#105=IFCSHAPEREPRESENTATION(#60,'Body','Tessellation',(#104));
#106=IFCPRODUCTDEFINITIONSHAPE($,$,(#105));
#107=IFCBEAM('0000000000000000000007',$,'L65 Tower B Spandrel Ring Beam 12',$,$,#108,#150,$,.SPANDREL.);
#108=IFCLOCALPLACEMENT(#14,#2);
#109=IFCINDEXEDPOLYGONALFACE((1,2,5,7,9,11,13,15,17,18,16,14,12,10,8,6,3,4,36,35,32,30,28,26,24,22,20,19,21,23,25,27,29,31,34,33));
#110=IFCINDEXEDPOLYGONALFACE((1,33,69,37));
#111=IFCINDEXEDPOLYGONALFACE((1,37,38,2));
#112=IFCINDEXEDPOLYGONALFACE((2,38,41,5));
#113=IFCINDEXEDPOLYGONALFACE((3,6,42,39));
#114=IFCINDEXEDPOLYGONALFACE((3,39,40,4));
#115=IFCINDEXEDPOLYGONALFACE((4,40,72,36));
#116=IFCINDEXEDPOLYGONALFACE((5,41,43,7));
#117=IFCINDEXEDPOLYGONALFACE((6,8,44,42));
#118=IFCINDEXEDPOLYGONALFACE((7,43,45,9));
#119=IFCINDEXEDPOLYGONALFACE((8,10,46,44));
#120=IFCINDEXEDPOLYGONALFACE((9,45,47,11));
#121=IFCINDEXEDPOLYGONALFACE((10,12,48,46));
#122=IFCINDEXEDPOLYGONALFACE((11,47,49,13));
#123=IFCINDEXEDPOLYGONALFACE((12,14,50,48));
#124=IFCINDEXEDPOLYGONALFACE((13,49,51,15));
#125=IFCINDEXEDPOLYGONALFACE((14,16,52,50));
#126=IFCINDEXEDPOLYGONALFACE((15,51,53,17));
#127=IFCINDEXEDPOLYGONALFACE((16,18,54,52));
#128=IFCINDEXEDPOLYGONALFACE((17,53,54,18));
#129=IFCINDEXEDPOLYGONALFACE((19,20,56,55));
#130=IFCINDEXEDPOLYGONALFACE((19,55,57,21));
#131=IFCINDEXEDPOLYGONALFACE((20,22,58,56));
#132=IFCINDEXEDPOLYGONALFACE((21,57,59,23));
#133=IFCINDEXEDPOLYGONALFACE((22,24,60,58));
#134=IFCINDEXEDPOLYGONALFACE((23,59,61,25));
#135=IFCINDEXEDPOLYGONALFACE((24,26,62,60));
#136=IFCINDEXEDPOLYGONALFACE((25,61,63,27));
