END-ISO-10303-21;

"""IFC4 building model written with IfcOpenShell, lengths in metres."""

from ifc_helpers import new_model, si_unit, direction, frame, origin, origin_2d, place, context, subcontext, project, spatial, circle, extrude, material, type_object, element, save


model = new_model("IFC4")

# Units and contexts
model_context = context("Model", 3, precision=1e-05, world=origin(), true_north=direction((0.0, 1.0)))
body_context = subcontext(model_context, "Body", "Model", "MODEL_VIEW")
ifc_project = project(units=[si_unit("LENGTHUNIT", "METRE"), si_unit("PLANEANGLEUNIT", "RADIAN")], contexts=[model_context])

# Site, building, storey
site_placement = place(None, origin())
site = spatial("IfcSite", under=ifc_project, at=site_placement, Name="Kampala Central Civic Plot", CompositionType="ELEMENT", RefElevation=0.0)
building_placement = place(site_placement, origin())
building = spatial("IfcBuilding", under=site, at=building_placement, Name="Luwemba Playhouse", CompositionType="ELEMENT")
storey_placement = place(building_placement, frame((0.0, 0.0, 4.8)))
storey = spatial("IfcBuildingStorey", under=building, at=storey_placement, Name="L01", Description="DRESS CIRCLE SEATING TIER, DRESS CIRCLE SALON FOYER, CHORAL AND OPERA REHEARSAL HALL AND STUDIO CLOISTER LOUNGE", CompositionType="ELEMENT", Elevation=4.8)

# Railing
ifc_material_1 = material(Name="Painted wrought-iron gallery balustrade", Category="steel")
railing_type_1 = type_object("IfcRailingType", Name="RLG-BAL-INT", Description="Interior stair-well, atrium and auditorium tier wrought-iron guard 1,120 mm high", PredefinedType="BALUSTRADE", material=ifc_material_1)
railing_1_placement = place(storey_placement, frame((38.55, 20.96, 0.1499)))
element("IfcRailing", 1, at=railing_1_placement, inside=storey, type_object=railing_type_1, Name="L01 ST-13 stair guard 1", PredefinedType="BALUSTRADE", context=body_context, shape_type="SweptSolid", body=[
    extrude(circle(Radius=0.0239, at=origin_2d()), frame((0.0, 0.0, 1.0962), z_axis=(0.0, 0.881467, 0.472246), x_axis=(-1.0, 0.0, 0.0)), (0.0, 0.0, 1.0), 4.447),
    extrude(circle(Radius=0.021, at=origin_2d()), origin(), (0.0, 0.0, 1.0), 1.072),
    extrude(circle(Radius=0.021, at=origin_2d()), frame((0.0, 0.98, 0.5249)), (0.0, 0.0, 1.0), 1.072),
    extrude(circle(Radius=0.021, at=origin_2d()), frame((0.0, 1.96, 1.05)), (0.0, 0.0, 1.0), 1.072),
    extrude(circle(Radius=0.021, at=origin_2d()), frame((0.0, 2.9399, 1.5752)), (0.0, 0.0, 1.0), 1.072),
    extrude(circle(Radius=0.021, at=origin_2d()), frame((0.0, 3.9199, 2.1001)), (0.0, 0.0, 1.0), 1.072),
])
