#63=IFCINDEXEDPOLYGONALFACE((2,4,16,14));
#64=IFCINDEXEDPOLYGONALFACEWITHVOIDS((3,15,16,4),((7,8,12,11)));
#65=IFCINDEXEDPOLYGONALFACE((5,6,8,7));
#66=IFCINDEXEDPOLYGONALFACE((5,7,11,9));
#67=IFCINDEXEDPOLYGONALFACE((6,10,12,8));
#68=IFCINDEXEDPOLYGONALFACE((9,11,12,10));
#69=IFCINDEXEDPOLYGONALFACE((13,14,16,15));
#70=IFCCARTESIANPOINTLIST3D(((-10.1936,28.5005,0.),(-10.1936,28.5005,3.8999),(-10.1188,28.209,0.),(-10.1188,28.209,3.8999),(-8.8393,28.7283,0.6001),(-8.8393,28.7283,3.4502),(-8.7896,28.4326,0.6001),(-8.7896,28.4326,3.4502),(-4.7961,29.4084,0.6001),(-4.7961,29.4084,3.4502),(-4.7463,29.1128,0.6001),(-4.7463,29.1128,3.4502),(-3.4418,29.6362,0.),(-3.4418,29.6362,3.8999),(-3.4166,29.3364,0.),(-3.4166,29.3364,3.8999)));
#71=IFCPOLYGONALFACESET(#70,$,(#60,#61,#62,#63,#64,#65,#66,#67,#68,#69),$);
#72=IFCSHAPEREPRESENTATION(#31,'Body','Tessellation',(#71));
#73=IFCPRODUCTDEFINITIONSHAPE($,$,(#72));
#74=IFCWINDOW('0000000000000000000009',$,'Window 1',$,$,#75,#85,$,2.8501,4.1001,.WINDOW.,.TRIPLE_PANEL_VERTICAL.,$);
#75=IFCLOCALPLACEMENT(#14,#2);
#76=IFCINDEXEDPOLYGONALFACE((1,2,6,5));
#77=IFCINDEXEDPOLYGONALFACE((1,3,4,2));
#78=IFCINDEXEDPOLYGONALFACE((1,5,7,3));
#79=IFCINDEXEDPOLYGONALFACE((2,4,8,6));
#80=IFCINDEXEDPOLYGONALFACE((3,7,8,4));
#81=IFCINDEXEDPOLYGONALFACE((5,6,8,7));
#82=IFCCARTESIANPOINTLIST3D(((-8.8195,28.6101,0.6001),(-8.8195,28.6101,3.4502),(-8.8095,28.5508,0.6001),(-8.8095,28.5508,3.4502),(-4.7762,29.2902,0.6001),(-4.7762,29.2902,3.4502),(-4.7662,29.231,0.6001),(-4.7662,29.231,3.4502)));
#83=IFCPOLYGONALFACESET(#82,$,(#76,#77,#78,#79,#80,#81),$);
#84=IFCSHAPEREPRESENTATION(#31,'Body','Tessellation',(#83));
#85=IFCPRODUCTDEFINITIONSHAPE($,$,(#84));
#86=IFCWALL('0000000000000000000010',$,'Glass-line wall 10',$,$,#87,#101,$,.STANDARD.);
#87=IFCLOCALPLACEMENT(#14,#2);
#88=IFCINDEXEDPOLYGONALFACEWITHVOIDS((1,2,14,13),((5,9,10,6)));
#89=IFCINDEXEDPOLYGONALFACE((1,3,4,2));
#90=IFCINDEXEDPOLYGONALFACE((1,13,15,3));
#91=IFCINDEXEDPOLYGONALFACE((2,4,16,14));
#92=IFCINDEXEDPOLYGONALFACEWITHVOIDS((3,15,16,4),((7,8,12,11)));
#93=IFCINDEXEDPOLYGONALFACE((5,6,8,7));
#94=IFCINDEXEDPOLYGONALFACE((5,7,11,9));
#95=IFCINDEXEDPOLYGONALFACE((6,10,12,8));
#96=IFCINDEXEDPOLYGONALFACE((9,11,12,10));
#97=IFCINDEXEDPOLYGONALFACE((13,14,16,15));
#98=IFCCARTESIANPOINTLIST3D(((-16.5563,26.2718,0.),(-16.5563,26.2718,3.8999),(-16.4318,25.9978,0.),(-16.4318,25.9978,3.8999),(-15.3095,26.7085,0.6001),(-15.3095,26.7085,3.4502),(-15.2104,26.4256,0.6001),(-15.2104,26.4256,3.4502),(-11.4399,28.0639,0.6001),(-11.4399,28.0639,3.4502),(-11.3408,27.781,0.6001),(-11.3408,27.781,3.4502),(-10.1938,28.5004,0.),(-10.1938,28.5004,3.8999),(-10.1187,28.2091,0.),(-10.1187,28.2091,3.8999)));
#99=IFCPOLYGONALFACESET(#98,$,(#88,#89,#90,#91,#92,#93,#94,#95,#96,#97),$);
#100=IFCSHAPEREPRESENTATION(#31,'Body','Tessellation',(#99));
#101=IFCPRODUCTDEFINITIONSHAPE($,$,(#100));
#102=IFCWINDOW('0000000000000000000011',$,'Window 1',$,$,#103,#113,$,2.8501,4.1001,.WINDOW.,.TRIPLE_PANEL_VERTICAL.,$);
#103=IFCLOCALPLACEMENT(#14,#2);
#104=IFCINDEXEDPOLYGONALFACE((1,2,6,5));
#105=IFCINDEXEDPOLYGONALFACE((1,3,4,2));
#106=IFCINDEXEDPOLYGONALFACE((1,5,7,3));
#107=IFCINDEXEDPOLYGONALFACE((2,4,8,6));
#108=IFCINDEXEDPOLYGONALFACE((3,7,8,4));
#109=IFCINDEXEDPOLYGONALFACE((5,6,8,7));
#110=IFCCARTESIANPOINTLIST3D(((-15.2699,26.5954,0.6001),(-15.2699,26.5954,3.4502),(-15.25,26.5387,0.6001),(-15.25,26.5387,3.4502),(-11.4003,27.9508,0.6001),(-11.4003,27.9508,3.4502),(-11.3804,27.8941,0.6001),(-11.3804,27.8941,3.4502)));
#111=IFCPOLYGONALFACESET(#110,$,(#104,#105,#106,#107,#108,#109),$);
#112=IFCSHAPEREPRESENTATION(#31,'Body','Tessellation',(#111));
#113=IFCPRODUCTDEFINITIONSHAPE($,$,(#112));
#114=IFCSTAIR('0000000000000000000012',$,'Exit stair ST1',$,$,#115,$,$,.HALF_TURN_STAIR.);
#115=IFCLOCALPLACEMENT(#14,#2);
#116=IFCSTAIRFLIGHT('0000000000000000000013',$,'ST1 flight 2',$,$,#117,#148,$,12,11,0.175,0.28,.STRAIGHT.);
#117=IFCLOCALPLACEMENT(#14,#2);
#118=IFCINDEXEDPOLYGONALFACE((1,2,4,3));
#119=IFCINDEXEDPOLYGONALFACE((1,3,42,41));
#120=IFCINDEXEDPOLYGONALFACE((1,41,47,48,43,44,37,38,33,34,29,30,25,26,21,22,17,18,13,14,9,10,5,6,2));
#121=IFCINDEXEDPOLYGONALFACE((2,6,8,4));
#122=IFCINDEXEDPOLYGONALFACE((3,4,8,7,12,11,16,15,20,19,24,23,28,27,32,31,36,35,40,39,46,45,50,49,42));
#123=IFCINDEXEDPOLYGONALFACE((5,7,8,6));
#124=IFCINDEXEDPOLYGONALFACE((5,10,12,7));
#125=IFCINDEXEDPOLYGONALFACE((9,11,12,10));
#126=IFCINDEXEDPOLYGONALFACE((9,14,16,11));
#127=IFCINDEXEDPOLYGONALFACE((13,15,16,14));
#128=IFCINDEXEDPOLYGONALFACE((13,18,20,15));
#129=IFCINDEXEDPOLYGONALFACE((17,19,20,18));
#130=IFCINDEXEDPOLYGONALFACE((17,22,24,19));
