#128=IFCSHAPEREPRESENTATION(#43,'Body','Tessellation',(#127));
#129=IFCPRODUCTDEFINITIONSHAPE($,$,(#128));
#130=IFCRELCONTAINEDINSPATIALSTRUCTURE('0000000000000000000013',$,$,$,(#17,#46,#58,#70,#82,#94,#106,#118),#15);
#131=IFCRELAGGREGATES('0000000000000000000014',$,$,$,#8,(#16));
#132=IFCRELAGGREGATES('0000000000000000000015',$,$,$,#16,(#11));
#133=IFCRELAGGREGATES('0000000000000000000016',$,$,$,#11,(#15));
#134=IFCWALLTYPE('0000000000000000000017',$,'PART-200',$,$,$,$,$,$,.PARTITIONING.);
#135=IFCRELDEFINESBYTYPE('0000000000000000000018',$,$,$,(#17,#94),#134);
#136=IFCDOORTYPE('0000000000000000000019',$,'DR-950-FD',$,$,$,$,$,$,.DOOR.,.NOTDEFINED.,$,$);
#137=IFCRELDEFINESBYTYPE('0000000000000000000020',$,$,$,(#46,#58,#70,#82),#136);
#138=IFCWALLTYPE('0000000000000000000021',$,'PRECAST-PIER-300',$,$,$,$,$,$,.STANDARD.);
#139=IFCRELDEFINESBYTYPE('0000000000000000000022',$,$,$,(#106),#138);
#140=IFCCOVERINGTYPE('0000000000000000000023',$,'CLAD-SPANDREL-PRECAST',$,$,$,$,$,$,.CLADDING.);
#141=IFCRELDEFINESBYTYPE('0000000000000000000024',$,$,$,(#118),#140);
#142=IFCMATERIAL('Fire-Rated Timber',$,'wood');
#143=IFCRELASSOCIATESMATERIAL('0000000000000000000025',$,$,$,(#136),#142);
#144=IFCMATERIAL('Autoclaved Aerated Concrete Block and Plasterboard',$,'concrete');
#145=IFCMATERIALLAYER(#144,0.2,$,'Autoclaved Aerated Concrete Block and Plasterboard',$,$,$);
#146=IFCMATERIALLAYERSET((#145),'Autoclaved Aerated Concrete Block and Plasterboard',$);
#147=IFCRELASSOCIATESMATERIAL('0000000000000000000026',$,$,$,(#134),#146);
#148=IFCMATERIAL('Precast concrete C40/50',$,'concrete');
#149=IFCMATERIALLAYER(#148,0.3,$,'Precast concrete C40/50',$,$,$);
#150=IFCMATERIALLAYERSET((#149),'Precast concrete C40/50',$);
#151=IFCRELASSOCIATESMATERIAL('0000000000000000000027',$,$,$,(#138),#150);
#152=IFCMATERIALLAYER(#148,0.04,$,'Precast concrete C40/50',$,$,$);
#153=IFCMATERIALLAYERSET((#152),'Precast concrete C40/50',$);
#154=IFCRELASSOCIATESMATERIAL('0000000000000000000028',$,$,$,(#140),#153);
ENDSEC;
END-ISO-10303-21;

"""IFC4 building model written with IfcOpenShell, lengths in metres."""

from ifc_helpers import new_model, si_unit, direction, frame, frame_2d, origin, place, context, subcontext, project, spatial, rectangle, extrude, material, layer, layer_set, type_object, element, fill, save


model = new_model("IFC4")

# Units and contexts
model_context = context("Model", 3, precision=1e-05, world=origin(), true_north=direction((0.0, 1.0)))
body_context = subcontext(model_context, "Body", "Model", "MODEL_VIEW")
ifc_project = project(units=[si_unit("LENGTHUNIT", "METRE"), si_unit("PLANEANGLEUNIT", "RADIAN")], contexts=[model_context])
----------
**WHAT YOU ARE ASKED TO DO**
The result should be every line that contains "subcontext", copied from the entries.

**RESPONSE BELOW**
from ifc_helpers import new_model, si_unit, direction, frame, origin, origin_2d, place, context, subcontext, project, spatial, circle, extrude, material, type_object, element, save
body_context = subcontext(model_context, "Body", "Model", "MODEL_VIEW")
from ifc_helpers import new_model, si_unit, direction, frame, frame_2d, origin, place, context, subcontext, project, spatial, rectangle, extrude, material, layer, layer_set, type_object, element, fill, save
body_context = subcontext(model_context, "Body", "Model", "MODEL_VIEW")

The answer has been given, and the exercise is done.